Problem to work on »
Set out exactly, line by line, the stretch of data below that begins at the line containing "#5=IFCSIUNIT(*,.LENGTHUNIT.,$,.METRE.);" and ends at the line containing "#12=IFCCARTESIANPOINT((0.,0.,5.28));", with both ends kept.

-- Entries shown follows --

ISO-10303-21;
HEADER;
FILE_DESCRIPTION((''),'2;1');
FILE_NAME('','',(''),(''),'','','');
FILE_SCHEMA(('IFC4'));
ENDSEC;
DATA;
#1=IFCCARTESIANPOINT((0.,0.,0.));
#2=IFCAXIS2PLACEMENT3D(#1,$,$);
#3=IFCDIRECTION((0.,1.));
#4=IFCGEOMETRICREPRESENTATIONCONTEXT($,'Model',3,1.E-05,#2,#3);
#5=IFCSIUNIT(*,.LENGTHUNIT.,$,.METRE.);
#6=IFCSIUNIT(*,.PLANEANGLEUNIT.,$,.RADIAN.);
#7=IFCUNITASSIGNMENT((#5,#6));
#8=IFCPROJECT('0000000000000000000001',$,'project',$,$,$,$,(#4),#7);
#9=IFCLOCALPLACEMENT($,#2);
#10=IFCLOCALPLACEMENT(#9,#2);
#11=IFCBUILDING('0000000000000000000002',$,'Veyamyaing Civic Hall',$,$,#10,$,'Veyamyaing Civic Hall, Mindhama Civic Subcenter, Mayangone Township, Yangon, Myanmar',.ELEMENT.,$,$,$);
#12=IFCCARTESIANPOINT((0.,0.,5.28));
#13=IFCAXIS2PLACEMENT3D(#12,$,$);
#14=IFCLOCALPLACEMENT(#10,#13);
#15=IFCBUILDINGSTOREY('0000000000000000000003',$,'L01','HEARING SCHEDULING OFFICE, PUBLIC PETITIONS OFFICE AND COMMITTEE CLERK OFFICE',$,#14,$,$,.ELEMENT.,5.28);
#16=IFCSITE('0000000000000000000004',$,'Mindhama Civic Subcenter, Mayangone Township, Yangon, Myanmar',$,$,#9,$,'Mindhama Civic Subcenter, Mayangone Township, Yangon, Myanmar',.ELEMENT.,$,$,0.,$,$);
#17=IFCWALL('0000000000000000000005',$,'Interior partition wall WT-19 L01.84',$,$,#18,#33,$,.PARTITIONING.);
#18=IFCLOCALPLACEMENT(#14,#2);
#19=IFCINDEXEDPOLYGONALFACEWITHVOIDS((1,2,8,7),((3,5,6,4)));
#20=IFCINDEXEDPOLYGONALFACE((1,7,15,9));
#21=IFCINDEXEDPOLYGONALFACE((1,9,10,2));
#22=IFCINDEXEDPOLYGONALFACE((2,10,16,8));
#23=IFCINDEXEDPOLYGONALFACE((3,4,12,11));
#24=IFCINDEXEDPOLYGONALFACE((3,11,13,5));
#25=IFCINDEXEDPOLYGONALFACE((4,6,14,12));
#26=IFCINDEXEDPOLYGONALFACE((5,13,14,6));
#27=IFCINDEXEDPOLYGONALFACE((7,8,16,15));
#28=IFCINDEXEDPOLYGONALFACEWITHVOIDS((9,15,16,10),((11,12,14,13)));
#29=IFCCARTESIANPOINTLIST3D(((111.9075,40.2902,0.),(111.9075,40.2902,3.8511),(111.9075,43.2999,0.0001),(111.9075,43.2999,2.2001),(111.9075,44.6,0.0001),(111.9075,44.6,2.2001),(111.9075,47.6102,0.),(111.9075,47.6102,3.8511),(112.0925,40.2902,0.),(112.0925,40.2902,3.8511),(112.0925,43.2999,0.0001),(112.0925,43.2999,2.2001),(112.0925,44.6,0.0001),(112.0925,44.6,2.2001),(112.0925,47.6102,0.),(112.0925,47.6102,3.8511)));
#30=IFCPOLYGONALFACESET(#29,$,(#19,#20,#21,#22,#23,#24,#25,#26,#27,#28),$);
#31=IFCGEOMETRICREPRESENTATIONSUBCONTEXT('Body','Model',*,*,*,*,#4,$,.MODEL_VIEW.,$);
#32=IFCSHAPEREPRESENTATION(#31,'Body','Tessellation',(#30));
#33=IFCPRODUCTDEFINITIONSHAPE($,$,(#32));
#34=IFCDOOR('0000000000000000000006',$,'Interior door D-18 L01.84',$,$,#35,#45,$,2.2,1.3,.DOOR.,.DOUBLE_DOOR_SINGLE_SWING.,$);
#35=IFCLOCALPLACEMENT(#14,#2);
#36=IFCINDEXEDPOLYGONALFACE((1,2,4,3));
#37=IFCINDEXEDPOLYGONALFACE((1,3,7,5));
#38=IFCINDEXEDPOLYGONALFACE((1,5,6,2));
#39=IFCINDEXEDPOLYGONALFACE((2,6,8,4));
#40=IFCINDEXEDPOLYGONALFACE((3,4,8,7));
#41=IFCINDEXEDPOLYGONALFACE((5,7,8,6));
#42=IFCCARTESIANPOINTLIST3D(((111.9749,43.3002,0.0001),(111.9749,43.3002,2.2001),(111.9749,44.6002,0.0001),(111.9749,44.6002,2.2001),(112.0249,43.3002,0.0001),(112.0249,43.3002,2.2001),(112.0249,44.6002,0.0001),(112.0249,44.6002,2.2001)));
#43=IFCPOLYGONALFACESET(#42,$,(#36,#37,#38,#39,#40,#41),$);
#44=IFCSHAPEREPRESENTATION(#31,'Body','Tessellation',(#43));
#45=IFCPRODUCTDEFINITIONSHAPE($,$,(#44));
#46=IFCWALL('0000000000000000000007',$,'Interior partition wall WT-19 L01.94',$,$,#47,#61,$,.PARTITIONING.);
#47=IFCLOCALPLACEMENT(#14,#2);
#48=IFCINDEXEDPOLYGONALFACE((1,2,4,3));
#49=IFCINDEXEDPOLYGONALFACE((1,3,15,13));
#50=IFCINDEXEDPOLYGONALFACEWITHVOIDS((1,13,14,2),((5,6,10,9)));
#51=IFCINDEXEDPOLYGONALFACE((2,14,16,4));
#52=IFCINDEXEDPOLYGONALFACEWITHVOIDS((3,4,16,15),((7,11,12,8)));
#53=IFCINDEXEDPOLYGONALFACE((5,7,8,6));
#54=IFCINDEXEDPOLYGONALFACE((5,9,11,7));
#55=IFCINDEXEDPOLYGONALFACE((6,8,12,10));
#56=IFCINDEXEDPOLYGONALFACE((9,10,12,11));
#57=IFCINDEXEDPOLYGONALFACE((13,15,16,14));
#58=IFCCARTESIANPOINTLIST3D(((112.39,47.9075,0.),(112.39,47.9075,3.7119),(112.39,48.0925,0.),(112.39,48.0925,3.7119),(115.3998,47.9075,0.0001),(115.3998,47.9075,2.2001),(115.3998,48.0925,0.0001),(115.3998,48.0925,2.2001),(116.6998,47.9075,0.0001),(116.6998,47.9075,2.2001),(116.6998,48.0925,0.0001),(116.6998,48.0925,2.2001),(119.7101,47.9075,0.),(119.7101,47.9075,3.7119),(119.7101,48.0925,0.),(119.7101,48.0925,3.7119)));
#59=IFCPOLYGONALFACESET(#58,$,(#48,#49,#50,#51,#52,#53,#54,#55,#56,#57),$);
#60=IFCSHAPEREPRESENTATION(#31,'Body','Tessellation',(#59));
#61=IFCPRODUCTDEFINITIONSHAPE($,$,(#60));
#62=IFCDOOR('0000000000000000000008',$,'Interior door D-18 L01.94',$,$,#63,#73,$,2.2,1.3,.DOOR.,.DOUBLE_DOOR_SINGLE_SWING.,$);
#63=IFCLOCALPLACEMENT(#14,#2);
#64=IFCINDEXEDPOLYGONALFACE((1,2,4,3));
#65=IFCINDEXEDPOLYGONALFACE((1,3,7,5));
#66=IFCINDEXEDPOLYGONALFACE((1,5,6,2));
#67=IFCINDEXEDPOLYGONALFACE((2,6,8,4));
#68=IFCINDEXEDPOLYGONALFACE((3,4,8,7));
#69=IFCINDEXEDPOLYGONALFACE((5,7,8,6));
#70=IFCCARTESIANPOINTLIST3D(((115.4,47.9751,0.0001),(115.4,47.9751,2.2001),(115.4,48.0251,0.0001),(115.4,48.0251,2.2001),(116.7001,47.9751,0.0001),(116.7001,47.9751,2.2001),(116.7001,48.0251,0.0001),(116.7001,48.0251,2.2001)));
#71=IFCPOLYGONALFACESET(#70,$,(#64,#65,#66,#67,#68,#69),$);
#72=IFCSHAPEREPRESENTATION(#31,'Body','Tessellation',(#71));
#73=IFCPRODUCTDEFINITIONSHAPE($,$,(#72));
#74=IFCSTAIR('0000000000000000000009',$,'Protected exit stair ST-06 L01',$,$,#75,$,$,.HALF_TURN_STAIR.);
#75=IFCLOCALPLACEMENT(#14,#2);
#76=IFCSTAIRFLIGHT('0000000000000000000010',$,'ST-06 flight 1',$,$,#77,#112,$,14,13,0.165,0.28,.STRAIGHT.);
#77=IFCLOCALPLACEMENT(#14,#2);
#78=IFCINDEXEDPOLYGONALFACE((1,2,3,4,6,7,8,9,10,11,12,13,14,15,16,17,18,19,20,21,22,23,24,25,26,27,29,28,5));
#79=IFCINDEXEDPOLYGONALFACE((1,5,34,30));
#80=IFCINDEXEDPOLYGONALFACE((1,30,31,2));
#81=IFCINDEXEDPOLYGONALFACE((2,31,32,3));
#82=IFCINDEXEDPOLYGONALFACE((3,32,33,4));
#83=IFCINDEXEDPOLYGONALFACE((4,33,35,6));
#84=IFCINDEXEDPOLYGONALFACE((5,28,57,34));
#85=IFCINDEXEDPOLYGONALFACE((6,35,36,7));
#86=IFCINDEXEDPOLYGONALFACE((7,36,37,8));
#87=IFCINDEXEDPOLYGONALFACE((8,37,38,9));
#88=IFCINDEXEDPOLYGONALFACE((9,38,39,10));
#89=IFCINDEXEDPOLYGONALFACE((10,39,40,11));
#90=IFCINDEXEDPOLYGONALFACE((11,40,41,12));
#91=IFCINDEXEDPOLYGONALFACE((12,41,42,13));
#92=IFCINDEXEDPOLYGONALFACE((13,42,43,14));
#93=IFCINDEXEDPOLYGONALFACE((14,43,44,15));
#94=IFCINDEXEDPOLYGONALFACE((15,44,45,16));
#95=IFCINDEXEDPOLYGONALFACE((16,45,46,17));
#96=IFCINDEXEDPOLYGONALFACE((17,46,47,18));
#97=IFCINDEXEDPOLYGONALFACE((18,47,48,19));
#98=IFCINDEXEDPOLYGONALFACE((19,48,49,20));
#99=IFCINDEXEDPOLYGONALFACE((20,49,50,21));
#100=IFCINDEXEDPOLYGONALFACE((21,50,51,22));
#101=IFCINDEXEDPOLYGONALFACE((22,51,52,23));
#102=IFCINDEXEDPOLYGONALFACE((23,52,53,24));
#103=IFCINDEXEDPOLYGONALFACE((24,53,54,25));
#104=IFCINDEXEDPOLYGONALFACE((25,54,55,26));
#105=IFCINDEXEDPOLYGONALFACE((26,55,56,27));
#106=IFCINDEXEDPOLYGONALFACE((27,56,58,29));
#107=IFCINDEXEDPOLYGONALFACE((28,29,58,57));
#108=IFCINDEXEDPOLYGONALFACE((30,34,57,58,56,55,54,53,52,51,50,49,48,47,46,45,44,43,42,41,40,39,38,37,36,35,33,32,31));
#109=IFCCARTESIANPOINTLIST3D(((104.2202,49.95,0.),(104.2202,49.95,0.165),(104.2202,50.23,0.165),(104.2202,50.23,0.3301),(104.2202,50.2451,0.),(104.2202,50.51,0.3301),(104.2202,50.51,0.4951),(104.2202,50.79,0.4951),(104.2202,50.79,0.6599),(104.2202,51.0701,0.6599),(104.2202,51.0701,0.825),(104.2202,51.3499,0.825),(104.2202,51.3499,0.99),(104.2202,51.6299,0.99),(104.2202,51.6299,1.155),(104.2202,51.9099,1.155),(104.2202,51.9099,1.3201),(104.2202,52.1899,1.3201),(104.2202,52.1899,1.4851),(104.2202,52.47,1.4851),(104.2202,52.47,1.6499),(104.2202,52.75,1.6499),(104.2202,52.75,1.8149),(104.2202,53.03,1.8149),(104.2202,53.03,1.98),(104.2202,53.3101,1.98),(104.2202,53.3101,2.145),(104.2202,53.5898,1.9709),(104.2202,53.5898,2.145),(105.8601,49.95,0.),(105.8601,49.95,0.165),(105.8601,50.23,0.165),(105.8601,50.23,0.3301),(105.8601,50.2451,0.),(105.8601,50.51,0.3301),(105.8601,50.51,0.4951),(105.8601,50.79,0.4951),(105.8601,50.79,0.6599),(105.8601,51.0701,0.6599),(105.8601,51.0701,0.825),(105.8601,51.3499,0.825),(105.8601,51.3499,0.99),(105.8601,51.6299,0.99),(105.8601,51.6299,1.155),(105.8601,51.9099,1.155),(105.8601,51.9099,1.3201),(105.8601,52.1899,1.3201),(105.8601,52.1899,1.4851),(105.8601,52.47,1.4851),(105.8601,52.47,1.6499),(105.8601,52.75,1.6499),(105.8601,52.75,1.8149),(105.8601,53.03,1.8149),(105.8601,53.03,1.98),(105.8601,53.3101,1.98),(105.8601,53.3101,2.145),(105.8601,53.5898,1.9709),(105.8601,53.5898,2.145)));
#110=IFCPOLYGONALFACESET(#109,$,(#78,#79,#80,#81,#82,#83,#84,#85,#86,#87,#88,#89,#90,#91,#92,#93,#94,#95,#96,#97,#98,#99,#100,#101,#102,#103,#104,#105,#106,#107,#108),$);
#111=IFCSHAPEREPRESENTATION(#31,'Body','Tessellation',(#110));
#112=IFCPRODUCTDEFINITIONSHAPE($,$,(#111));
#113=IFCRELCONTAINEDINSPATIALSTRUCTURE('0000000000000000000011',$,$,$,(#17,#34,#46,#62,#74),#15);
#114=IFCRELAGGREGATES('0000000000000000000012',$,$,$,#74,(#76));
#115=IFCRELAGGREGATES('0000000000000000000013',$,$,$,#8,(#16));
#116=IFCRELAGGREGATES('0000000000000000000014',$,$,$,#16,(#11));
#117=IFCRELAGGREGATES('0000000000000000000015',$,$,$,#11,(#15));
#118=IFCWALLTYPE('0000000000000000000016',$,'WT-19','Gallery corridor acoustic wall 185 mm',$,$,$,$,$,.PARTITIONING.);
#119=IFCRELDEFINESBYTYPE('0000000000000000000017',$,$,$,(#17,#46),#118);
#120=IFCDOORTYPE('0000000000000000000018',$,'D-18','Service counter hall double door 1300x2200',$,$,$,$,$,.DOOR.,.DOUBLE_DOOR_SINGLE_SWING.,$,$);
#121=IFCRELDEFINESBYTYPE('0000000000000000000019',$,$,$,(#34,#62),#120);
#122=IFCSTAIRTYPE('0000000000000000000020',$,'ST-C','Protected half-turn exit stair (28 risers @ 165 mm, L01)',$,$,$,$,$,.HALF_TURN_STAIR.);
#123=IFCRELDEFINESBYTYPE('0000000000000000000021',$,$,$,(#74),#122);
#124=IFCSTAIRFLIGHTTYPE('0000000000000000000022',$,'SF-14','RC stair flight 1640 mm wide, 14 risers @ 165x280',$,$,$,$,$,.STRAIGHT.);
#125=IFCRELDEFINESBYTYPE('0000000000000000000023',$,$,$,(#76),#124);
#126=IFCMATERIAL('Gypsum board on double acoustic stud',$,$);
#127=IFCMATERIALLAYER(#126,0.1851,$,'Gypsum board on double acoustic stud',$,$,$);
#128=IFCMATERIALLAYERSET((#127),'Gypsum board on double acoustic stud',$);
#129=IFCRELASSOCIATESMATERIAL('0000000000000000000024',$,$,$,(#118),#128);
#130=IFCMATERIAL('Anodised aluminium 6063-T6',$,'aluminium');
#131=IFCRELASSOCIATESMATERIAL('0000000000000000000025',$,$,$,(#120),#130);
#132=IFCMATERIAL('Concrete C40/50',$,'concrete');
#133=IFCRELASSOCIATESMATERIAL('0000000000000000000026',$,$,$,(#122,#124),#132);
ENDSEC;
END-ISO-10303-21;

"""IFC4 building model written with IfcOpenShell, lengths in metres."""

from ifc_helpers import new_model, si_unit, direction, frame, frame_2d, origin, place, context, subcontext, project, spatial, polyline, rectangle, outline, extrude, material, layer, layer_set, type_object, element, fill, aggregate, save


model = new_model("IFC4")

# Units and contexts
model_context = context("Model", 3, precision=1e-05, world=origin(), true_north=direction((0.0, 1.0)))
body_context = subcontext(model_context, "Body", "Model", "MODEL_VIEW")
ifc_project = project(units=[si_unit("LENGTHUNIT", "METRE"), si_unit("PLANEANGLEUNIT", "RADIAN")], contexts=[model_context])

# Site, building, storey
site_placement = place(None, origin())
site = spatial("IfcSite", under=ifc_project, at=site_placement, Name="Mindhama Civic Subcenter, Mayangone Township, Yangon, Myanmar", LongName="Mindhama Civic Subcenter, Mayangone Township, Yangon, Myanmar", CompositionType="ELEMENT", RefElevation=0.0)
building_placement = place(site_placement, origin())
building = spatial("IfcBuilding", under=site, at=building_placement, Name="Veyamyaing Civic Hall", LongName="Veyamyaing Civic Hall, Mindhama Civic Subcenter, Mayangone Township, Yangon, Myanmar", CompositionType="ELEMENT")
storey_placement = place(building_placement, frame((0.0, 0.0, 5.28)))
storey = spatial("IfcBuildingStorey", under=building, at=storey_placement, Name="L01", Description="HEARING SCHEDULING OFFICE, PUBLIC PETITIONS OFFICE AND COMMITTEE CLERK OFFICE", CompositionType="ELEMENT", Elevation=5.28)

# Shared definitions
ifc_material_1 = material(Name="Concrete C40/50", Category="concrete")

-- Entries shown concluded --

Written answer »
#5=IFCSIUNIT(*,.LENGTHUNIT.,$,.METRE.);
#6=IFCSIUNIT(*,.PLANEANGLEUNIT.,$,.RADIAN.);
#7=IFCUNITASSIGNMENT((#5,#6));
#8=IFCPROJECT('0000000000000000000001',$,'project',$,$,$,$,(#4),#7);
#9=IFCLOCALPLACEMENT($,#2);
#10=IFCLOCALPLACEMENT(#9,#2);
#11=IFCBUILDING('0000000000000000000002',$,'Veyamyaing Civic Hall',$,$,#10,$,'Veyamyaing Civic Hall, Mindhama Civic Subcenter, Mayangone Township, Yangon, Myanmar',.ELEMENT.,$,$,$);
#12=IFCCARTESIANPOINT((0.,0.,5.28));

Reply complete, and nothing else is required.